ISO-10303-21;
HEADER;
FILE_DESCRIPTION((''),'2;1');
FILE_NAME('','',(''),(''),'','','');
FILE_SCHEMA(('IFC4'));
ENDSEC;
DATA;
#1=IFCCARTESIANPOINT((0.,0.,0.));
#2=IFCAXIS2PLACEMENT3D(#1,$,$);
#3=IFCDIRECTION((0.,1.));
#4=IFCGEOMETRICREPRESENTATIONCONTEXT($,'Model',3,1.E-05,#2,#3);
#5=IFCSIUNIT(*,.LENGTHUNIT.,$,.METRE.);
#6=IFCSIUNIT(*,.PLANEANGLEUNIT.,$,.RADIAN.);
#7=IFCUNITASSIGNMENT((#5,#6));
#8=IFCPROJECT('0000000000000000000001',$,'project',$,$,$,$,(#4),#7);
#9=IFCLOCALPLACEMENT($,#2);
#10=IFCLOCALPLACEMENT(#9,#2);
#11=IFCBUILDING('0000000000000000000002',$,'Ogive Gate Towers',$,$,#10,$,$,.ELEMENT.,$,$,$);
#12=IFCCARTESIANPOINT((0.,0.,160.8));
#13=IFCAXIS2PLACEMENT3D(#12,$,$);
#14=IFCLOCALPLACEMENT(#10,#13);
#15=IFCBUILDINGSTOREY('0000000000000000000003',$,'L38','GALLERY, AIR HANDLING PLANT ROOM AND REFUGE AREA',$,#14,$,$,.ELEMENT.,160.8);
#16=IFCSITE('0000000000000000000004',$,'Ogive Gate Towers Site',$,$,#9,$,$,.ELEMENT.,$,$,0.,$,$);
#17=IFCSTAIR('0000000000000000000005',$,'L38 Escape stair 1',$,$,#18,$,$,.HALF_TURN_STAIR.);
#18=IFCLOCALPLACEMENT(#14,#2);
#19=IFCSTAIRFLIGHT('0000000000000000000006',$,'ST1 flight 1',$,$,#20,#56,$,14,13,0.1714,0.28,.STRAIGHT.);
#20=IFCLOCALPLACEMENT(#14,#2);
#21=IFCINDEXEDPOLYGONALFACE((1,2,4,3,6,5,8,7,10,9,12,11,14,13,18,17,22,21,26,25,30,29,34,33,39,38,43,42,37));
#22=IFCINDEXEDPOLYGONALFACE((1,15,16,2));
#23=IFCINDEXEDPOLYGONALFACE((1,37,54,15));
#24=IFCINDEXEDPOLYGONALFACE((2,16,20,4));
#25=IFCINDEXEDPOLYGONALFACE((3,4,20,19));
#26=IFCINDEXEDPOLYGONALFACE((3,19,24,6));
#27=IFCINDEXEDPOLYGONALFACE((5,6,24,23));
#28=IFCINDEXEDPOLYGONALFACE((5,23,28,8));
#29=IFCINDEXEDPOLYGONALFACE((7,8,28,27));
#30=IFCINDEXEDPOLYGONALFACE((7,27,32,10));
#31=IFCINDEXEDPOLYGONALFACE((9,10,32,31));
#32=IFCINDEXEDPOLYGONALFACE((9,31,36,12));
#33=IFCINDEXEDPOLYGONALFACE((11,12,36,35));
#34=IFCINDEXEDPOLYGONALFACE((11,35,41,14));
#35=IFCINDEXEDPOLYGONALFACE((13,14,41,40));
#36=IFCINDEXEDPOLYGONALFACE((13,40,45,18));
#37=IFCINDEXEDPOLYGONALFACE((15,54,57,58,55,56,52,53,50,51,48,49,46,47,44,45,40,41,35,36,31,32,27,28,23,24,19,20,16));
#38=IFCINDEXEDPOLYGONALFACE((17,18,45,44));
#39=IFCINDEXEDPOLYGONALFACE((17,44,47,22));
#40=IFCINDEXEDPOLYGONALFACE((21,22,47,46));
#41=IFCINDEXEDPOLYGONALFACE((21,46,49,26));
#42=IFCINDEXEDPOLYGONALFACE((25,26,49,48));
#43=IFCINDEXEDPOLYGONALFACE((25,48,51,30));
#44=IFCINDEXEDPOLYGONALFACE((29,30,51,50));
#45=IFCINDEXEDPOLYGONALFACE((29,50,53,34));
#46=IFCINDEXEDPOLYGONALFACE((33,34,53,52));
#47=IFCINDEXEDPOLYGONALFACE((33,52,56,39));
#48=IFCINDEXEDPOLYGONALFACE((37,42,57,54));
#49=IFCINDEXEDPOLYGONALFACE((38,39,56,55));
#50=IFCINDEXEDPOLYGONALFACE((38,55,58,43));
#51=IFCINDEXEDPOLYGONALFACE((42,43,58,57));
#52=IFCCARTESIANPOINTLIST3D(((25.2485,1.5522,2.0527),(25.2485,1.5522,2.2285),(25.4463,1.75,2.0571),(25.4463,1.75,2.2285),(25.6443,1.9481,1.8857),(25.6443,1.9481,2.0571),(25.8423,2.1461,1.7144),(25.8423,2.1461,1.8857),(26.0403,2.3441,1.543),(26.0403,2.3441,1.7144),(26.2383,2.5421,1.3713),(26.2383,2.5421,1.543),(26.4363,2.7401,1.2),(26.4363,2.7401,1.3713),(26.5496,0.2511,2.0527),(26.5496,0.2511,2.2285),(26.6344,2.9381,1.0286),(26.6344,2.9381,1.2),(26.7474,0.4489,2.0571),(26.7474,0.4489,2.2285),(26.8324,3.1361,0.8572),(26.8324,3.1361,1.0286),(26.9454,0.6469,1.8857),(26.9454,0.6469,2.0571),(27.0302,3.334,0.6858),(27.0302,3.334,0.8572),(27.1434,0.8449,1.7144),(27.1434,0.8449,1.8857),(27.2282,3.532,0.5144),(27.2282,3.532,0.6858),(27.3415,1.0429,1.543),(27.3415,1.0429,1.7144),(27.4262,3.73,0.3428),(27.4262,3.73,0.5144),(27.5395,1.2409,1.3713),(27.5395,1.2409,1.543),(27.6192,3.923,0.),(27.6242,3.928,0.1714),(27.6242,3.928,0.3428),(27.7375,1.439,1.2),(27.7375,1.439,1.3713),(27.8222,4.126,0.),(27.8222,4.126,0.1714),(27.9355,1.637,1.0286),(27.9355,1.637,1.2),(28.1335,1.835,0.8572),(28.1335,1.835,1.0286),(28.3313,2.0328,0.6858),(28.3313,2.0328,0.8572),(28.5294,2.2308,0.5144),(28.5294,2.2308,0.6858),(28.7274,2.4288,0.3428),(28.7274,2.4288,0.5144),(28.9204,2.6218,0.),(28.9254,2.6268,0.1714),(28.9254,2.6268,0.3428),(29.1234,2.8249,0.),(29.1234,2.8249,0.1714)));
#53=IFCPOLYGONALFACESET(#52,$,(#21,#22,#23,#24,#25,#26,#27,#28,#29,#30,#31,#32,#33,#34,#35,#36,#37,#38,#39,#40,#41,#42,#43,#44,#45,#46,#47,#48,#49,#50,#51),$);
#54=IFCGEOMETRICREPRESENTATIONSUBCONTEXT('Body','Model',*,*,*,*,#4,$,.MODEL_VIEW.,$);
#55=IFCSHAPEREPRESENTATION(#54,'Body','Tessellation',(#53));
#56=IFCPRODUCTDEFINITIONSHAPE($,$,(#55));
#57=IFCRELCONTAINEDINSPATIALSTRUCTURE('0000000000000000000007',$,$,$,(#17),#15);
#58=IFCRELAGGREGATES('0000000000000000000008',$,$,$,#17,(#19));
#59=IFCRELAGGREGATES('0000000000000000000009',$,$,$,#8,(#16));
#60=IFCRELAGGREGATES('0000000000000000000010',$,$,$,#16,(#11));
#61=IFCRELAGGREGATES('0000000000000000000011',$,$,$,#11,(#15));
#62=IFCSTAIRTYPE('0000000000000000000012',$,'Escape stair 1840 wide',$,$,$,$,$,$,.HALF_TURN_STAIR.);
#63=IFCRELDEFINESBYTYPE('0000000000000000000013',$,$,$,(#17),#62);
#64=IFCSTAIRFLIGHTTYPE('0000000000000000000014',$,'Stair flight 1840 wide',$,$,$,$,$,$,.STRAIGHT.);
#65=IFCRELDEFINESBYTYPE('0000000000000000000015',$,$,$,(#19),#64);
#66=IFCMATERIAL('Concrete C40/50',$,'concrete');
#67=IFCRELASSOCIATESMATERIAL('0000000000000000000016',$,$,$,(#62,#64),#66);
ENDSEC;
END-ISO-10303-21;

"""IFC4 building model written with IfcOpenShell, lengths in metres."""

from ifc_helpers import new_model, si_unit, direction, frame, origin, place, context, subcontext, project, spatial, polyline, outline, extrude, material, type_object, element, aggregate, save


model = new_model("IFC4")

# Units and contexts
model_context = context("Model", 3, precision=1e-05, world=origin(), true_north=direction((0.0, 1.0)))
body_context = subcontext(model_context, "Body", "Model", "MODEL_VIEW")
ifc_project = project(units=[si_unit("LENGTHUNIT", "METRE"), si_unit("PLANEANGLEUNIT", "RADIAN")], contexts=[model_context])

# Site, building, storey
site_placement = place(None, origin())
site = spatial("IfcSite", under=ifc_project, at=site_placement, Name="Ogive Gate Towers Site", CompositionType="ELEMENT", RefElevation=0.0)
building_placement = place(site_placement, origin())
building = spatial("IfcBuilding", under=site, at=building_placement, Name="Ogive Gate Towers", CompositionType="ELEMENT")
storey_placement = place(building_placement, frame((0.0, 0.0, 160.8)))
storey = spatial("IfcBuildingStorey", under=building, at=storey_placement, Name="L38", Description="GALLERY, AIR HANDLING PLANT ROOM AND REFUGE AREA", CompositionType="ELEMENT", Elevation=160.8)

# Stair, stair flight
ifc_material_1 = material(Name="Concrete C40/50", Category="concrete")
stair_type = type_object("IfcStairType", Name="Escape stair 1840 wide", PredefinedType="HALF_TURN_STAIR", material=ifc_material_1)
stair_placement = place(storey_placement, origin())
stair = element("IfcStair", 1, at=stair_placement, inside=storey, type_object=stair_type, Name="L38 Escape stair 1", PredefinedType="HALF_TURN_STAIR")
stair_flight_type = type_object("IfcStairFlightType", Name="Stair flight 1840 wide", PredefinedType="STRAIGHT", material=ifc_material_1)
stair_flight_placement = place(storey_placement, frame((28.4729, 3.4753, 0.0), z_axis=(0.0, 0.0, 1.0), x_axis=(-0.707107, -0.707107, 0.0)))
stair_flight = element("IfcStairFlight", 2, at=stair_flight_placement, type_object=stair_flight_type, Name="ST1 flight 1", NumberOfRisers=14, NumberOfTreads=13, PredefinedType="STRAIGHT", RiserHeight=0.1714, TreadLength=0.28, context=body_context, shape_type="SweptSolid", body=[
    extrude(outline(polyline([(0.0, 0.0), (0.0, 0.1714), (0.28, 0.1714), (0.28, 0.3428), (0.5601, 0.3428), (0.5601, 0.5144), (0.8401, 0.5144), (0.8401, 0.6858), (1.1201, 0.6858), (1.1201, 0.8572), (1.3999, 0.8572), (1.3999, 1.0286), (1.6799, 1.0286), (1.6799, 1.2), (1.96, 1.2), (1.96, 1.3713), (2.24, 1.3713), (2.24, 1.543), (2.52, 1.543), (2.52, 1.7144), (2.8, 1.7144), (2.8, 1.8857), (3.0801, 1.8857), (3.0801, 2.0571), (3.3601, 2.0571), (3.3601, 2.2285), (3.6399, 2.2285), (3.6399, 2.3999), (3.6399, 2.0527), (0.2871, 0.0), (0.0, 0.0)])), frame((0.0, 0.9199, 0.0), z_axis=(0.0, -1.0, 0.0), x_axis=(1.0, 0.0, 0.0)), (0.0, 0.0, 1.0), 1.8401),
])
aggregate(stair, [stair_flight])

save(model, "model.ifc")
——————————
**Task brief:** Look above and return each line of the records exactly, from the very first through the line with "#14=IFCLOCALPLACEMENT(#10,#13);", both included.

**Response area:**
ISO-10303-21;
HEADER;
FILE_DESCRIPTION((''),'2;1');
FILE_NAME('','',(''),(''),'','','');
FILE_SCHEMA(('IFC4'));
ENDSEC;
DATA;
#1=IFCCARTESIANPOINT((0.,0.,0.));
#2=IFCAXIS2PLACEMENT3D(#1,$,$);
#3=IFCDIRECTION((0.,1.));
#4=IFCGEOMETRICREPRESENTATIONCONTEXT($,'Model',3,1.E-05,#2,#3);
#5=IFCSIUNIT(*,.LENGTHUNIT.,$,.METRE.);
#6=IFCSIUNIT(*,.PLANEANGLEUNIT.,$,.RADIAN.);
#7=IFCUNITASSIGNMENT((#5,#6));
#8=IFCPROJECT('0000000000000000000001',$,'project',$,$,$,$,(#4),#7);
#9=IFCLOCALPLACEMENT($,#2);
#10=IFCLOCALPLACEMENT(#9,#2);
#11=IFCBUILDING('0000000000000000000002',$,'Ogive Gate Towers',$,$,#10,$,$,.ELEMENT.,$,$,$);
#12=IFCCARTESIANPOINT((0.,0.,160.8));
#13=IFCAXIS2PLACEMENT3D(#12,$,$);
#14=IFCLOCALPLACEMENT(#10,#13);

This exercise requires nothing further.